Beginning with the opening line, restate the following material exactly, up through the line that contains "#24=IFCPOLYGONALFACESET(#23,$,(#17,#18,#19,#20,#21,#22),$);".

*** Opening Records for this exercise ***

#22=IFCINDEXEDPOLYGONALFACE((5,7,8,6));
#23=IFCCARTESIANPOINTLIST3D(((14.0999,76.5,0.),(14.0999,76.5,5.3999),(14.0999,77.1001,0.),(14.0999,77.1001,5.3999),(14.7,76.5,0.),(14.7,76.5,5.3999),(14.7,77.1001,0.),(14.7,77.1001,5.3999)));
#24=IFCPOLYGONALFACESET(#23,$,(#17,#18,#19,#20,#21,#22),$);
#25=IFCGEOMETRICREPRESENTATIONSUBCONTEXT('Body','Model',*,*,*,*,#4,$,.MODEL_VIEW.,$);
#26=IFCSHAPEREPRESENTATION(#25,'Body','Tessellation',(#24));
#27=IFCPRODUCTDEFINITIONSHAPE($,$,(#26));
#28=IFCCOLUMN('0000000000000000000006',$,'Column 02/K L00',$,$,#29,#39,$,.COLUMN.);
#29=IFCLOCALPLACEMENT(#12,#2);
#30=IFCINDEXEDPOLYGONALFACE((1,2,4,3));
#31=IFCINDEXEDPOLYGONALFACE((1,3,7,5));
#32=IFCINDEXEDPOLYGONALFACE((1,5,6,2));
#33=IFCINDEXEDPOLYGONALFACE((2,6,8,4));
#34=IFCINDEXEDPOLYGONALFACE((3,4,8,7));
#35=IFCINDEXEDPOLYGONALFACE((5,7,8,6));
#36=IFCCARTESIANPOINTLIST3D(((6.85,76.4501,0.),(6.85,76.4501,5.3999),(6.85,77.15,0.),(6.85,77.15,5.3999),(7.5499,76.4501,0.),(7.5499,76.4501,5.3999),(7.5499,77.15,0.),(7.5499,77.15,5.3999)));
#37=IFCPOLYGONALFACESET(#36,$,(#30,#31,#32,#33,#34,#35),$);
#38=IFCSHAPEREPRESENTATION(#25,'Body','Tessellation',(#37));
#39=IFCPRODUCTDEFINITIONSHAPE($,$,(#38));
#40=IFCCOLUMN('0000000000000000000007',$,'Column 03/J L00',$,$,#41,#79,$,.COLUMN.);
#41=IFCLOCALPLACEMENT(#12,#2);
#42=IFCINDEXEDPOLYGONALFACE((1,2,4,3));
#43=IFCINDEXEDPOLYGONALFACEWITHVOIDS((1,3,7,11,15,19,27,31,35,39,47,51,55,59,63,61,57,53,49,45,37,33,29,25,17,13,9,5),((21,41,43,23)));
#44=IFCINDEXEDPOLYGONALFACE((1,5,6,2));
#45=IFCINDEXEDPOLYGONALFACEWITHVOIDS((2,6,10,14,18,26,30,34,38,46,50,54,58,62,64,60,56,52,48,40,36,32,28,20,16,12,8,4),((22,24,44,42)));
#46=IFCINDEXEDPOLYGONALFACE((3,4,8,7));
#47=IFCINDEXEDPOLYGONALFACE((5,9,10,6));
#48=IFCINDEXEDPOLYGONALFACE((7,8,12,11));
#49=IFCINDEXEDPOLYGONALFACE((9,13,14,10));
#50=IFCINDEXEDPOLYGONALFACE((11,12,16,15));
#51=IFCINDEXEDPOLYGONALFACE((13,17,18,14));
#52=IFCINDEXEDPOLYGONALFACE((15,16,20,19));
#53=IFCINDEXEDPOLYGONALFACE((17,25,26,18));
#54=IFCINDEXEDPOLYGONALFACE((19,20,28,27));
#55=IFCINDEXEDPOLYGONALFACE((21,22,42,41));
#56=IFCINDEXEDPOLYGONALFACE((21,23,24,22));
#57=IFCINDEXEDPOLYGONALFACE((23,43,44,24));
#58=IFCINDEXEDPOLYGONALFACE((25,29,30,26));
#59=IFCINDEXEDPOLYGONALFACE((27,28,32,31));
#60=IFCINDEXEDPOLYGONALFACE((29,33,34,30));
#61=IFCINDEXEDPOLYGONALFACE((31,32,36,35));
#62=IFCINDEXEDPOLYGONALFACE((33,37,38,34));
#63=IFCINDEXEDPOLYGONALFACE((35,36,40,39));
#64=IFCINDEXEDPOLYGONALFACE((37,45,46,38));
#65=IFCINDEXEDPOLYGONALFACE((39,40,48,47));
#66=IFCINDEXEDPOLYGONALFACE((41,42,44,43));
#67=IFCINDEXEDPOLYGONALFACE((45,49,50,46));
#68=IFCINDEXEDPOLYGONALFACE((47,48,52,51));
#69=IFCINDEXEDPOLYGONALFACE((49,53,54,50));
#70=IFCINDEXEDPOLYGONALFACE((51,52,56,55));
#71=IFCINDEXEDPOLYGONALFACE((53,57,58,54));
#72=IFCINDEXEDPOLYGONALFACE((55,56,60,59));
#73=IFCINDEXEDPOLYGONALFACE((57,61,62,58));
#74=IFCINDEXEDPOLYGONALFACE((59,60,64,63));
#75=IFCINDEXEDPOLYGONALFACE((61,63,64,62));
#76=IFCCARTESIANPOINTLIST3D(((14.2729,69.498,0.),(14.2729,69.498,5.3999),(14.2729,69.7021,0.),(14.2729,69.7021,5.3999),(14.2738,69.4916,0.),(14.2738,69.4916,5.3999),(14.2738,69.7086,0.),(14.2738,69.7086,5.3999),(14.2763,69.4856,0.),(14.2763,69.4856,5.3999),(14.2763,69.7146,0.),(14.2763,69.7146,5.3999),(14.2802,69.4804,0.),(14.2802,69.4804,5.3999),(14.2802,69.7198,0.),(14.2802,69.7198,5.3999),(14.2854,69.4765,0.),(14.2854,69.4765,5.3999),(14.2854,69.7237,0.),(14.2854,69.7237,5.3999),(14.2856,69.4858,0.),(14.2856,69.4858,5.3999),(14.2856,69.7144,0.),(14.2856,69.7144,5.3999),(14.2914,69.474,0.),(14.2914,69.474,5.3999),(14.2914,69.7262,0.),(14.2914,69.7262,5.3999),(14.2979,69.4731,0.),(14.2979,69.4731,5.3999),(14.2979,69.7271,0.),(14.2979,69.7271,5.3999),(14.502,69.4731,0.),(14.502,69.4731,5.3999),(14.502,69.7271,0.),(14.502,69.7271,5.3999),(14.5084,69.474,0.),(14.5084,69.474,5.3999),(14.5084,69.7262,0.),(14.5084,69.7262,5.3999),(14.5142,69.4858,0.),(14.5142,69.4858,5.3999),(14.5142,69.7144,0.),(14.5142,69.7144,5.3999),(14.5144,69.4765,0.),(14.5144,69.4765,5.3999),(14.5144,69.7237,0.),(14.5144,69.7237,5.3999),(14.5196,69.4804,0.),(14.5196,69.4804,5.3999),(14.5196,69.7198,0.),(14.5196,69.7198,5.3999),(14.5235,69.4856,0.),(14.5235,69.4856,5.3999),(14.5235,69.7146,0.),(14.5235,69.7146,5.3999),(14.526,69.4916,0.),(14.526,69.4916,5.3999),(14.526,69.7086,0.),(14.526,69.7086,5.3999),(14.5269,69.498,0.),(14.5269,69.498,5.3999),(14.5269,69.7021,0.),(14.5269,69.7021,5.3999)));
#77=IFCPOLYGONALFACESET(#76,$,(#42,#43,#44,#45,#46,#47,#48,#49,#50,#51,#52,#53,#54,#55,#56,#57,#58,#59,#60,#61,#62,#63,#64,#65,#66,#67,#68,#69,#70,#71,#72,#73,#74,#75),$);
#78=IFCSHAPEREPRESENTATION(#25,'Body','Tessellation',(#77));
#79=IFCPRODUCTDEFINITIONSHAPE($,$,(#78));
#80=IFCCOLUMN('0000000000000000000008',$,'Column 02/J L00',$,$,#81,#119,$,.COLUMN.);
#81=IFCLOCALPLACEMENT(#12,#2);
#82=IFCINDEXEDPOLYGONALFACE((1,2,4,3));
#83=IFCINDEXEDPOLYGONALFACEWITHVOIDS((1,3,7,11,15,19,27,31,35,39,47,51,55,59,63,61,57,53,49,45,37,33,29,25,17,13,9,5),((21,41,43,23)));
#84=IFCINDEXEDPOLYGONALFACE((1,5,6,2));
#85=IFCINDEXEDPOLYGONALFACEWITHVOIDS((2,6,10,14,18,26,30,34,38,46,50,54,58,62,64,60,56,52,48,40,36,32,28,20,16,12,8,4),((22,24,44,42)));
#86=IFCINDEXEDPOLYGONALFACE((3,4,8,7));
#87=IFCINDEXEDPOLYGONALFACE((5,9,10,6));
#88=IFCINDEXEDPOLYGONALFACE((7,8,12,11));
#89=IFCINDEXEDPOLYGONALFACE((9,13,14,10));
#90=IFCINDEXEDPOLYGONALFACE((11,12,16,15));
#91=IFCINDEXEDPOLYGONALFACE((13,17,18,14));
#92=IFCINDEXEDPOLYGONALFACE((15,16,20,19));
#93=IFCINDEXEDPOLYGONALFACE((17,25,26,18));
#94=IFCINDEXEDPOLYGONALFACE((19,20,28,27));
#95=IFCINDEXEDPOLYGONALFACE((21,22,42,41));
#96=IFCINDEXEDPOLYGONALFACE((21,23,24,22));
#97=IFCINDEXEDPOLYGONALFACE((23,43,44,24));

*** Closing Records for this exercise ***

• _Solution below_
#22=IFCINDEXEDPOLYGONALFACE((5,7,8,6));
#23=IFCCARTESIANPOINTLIST3D(((14.0999,76.5,0.),(14.0999,76.5,5.3999),(14.0999,77.1001,0.),(14.0999,77.1001,5.3999),(14.7,76.5,0.),(14.7,76.5,5.3999),(14.7,77.1001,0.),(14.7,77.1001,5.3999)));
#24=IFCPOLYGONALFACESET(#23,$,(#17,#18,#19,#20,#21,#22),$);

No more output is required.